*Records for the task*
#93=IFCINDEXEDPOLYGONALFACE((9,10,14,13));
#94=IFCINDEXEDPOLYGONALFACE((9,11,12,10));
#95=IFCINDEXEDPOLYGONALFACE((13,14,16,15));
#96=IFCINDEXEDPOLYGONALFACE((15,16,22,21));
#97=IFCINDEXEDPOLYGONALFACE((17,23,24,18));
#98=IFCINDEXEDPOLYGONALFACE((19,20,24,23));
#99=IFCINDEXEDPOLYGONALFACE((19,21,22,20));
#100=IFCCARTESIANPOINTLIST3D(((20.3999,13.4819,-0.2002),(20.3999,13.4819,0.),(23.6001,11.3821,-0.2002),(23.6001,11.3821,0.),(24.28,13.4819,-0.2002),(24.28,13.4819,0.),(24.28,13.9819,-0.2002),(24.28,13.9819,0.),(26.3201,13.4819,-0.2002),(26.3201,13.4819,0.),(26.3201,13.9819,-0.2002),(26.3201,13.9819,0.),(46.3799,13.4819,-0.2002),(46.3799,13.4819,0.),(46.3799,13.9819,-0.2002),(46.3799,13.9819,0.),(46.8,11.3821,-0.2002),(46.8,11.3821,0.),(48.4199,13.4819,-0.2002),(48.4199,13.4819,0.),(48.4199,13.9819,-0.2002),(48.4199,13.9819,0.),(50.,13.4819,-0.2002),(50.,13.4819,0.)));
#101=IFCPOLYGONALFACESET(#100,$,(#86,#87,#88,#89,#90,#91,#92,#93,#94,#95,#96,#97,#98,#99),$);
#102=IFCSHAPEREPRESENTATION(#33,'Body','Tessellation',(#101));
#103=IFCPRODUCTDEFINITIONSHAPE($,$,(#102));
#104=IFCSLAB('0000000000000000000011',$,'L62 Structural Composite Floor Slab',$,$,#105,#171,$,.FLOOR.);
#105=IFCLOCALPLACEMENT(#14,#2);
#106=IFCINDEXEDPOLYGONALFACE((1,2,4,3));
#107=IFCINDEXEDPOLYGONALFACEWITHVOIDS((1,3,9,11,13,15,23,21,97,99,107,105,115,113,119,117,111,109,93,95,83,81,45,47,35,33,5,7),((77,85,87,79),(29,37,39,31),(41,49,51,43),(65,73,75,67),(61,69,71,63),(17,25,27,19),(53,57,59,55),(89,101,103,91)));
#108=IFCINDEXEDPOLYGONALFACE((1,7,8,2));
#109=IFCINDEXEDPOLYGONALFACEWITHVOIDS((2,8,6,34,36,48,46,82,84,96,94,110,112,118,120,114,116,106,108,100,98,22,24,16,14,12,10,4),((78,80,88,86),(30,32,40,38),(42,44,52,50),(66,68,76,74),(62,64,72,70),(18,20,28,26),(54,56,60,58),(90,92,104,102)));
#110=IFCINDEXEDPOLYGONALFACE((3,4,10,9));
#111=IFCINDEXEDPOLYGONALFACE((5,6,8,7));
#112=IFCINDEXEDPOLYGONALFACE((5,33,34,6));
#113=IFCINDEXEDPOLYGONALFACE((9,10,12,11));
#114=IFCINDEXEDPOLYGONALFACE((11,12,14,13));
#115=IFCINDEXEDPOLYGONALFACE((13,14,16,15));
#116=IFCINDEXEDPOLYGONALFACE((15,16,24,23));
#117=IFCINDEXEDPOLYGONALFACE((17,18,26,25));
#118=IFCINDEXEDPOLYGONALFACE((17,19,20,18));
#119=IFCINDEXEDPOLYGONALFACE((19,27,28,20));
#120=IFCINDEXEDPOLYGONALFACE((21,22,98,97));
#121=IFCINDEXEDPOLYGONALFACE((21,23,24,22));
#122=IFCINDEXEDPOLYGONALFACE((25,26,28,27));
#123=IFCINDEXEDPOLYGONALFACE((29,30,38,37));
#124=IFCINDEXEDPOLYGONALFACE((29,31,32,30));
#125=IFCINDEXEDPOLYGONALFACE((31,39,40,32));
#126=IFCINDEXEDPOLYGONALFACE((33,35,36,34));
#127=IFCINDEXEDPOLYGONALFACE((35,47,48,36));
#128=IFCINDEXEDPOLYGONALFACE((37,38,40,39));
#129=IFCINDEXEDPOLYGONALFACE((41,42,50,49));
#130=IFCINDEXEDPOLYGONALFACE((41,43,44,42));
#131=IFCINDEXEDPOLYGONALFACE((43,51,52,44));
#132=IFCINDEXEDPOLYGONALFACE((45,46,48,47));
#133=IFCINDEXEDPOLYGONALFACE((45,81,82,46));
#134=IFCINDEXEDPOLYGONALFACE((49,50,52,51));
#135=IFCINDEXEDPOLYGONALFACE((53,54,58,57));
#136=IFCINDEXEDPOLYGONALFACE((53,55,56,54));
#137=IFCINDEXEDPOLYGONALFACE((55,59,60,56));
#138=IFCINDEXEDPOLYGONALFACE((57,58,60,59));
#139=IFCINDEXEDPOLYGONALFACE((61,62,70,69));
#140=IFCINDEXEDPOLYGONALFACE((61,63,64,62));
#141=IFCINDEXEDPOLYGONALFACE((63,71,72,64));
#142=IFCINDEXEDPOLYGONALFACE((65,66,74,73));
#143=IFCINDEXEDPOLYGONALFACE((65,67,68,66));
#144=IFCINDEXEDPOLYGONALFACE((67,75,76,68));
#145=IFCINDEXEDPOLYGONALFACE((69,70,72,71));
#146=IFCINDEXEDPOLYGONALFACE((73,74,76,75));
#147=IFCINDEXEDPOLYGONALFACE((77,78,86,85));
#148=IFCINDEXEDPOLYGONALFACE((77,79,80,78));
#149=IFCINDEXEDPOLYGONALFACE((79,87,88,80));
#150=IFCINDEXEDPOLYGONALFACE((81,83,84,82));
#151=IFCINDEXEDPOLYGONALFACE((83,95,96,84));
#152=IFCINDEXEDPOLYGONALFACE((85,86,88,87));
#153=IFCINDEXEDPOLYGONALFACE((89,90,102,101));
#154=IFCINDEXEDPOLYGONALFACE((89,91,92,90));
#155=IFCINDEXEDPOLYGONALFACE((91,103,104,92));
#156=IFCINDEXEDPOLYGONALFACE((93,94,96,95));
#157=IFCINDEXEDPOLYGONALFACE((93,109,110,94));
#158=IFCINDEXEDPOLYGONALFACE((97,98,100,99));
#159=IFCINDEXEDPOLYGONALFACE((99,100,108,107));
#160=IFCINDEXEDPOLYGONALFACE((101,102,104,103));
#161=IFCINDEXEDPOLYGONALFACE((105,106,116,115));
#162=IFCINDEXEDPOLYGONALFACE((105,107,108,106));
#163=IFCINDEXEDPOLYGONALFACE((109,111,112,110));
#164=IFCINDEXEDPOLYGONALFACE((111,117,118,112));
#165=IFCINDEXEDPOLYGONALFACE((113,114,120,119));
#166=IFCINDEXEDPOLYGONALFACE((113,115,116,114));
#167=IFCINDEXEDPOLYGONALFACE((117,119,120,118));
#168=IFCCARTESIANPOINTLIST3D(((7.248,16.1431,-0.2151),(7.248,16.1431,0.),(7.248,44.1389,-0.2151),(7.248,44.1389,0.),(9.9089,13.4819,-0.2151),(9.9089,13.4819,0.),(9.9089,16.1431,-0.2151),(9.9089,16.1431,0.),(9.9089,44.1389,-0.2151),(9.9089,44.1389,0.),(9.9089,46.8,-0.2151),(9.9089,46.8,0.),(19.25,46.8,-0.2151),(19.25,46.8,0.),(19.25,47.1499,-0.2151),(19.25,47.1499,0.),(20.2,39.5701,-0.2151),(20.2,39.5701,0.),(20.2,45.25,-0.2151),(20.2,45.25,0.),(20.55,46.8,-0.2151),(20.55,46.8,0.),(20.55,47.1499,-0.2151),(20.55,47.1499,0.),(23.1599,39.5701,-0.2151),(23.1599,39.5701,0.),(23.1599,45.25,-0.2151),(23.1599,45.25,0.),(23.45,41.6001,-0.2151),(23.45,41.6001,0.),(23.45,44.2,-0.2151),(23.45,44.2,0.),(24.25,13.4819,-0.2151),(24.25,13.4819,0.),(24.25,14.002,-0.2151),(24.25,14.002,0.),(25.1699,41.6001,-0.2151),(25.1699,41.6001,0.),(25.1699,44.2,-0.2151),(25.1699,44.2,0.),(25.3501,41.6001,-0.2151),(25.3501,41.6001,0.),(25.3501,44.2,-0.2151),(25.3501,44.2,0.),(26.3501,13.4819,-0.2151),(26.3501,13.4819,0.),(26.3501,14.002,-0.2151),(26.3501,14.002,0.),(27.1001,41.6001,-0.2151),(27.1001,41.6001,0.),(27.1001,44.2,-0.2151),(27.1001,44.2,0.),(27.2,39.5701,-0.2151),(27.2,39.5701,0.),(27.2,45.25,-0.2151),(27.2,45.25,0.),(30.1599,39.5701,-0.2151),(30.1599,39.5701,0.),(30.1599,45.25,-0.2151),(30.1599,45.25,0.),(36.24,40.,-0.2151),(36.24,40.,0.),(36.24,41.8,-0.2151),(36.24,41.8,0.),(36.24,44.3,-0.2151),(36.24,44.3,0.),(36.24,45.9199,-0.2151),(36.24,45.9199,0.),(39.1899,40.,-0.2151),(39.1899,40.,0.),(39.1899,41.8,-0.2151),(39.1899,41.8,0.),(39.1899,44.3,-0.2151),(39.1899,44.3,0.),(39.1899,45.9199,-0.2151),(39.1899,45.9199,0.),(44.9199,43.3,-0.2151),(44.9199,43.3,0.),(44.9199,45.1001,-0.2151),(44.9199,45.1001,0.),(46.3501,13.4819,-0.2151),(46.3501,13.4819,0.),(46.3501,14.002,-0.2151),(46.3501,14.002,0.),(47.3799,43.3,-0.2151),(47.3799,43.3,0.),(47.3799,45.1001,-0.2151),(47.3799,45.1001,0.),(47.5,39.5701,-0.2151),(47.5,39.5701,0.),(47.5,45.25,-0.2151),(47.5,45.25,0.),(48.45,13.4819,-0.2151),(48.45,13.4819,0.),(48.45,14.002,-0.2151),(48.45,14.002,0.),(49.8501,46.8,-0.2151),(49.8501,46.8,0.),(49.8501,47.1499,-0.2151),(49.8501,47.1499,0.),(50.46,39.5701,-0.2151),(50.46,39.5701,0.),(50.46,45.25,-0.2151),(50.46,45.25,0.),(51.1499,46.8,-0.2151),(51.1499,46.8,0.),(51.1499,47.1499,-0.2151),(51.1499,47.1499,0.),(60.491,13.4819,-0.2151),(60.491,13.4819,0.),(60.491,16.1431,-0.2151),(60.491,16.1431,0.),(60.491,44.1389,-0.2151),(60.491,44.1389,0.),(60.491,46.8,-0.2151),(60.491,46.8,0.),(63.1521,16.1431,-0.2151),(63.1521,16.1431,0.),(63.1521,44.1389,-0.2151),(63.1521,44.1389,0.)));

*Exercise requirements*
Determine the number of lines in the entries that contain the word "IFCINDEXEDPOLYGONALFACEWITHVOIDS". Give that number and nothing more.

*Output for this exercise*
2